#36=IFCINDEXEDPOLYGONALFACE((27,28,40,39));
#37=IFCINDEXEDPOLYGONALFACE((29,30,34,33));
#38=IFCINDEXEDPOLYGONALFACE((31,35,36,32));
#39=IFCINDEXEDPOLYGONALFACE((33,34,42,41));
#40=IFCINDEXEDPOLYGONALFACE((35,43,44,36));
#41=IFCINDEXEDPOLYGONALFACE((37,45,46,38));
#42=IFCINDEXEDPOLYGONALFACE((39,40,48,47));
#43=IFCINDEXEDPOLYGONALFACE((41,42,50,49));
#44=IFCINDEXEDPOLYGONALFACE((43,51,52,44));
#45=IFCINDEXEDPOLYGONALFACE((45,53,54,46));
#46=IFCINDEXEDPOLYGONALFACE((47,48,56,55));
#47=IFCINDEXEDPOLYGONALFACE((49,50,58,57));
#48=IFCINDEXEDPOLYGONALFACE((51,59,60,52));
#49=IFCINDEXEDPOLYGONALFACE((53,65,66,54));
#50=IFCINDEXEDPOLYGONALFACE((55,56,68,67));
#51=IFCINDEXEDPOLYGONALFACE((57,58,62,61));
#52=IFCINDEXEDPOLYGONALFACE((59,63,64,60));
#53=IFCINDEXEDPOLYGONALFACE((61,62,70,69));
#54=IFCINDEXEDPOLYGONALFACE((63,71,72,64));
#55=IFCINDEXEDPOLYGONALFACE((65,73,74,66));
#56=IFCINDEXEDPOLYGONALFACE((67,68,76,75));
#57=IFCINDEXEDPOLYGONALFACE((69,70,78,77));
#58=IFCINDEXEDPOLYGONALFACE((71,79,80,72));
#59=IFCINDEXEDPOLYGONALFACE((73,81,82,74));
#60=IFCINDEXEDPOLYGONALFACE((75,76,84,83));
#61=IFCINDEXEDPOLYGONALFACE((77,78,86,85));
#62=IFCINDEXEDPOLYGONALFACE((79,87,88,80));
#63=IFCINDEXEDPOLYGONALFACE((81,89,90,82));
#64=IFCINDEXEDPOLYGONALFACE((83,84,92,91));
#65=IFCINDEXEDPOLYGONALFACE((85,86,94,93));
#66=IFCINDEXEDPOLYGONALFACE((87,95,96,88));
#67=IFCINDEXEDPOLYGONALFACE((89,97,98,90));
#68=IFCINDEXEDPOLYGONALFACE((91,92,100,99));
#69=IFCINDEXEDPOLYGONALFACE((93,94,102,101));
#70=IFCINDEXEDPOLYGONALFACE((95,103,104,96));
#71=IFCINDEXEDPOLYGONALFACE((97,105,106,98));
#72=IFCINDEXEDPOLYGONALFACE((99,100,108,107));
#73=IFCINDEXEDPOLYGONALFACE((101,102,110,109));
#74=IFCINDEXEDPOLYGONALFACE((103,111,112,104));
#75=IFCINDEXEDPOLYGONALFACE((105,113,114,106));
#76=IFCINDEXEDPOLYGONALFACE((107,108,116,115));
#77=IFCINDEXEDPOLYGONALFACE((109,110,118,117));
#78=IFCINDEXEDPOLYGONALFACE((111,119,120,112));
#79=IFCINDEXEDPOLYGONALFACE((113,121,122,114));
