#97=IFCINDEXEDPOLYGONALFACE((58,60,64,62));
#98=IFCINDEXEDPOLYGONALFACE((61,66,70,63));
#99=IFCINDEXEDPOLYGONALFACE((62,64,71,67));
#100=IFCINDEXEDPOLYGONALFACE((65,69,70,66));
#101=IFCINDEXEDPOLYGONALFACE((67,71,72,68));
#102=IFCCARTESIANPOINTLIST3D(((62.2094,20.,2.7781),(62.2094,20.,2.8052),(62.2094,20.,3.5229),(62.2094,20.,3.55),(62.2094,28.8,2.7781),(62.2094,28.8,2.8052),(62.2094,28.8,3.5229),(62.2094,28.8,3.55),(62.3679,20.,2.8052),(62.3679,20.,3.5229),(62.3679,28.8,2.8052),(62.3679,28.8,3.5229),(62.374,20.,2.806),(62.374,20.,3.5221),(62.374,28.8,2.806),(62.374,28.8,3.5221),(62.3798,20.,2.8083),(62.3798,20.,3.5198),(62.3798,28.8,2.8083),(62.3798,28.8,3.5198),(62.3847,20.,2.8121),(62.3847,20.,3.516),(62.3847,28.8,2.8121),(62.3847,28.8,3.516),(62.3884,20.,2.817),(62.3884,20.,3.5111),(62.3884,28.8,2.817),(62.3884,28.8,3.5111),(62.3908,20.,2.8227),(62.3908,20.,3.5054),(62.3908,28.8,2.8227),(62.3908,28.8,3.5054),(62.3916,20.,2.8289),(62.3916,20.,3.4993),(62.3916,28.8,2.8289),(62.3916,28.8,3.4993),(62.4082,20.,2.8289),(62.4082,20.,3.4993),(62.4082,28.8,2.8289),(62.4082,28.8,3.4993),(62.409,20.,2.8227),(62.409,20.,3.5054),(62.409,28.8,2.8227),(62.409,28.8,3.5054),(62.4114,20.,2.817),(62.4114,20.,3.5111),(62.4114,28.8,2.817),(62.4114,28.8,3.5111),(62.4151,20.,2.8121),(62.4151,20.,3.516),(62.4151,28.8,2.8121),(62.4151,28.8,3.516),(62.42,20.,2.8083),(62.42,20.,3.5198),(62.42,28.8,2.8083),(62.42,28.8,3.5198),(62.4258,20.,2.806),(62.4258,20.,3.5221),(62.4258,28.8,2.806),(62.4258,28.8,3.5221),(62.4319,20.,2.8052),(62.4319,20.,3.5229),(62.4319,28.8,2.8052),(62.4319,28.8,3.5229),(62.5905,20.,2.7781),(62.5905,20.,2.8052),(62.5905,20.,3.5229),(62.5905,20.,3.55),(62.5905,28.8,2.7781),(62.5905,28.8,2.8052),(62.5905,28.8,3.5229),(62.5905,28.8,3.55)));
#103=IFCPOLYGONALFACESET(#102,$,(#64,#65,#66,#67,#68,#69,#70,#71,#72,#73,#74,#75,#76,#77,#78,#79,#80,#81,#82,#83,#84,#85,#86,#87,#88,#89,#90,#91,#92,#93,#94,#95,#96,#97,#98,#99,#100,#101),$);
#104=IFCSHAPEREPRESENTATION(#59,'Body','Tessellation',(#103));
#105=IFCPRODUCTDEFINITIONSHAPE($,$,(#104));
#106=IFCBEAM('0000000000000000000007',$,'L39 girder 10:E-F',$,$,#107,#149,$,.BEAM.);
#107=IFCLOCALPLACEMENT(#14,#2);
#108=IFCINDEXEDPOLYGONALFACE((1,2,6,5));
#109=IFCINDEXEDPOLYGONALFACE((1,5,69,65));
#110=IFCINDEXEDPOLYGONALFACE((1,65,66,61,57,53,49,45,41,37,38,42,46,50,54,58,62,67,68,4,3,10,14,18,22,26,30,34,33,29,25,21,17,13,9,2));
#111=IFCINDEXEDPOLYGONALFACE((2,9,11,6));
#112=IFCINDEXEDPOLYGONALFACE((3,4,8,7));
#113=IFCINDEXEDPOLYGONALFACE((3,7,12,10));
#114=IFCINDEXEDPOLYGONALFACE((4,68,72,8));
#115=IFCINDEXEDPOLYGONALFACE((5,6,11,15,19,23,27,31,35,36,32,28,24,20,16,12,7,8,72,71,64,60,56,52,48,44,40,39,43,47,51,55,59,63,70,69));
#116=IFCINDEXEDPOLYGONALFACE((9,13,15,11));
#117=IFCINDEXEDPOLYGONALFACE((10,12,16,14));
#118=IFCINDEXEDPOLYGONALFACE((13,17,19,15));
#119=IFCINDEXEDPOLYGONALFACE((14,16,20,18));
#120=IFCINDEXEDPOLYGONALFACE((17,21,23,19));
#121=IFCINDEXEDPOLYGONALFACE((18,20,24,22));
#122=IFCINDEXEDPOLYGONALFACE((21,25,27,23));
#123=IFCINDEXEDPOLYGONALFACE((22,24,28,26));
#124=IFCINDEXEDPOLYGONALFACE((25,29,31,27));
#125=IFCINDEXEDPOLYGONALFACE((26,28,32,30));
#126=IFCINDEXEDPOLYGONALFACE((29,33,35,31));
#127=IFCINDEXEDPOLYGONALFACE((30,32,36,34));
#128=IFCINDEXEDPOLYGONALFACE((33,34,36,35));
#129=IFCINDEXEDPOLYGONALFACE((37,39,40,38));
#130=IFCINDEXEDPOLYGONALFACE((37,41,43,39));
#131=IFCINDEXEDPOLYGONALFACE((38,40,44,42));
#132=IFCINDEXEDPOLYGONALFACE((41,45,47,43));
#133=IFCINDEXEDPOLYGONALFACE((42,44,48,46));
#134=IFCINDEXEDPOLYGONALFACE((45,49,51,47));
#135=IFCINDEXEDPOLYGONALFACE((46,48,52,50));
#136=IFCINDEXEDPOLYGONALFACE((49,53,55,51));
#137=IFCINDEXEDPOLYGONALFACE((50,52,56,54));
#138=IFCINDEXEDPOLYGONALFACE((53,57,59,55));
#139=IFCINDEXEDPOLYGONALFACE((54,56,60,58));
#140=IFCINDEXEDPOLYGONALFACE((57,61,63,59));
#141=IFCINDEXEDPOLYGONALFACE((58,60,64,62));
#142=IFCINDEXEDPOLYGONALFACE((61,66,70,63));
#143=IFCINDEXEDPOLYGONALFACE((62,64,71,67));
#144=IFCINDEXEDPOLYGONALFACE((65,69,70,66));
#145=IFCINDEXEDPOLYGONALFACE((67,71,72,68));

- [Task to complete]:
From the records above, retype only the lines starting at the line that contains "#108=IFCINDEXEDPOLYGONALFACE((1,2,6,5));" and ending at the line that contains "#122=IFCINDEXEDPOLYGONALFACE((21,25,27,23));", both included.

- [Your solution]:
#108=IFCINDEXEDPOLYGONALFACE((1,2,6,5));
#109=IFCINDEXEDPOLYGONALFACE((1,5,69,65));
#110=IFCINDEXEDPOLYGONALFACE((1,65,66,61,57,53,49,45,41,37,38,42,46,50,54,58,62,67,68,4,3,10,14,18,22,26,30,34,33,29,25,21,17,13,9,2));
#111=IFCINDEXEDPOLYGONALFACE((2,9,11,6));
#112=IFCINDEXEDPOLYGONALFACE((3,4,8,7));
#113=IFCINDEXEDPOLYGONALFACE((3,7,12,10));
#114=IFCINDEXEDPOLYGONALFACE((4,68,72,8));
#115=IFCINDEXEDPOLYGONALFACE((5,6,11,15,19,23,27,31,35,36,32,28,24,20,16,12,7,8,72,71,64,60,56,52,48,44,40,39,43,47,51,55,59,63,70,69));
#116=IFCINDEXEDPOLYGONALFACE((9,13,15,11));
#117=IFCINDEXEDPOLYGONALFACE((10,12,16,14));
#118=IFCINDEXEDPOLYGONALFACE((13,17,19,15));
#119=IFCINDEXEDPOLYGONALFACE((14,16,20,18));
#120=IFCINDEXEDPOLYGONALFACE((17,21,23,19));
#121=IFCINDEXEDPOLYGONALFACE((18,20,24,22));
#122=IFCINDEXEDPOLYGONALFACE((21,25,27,23));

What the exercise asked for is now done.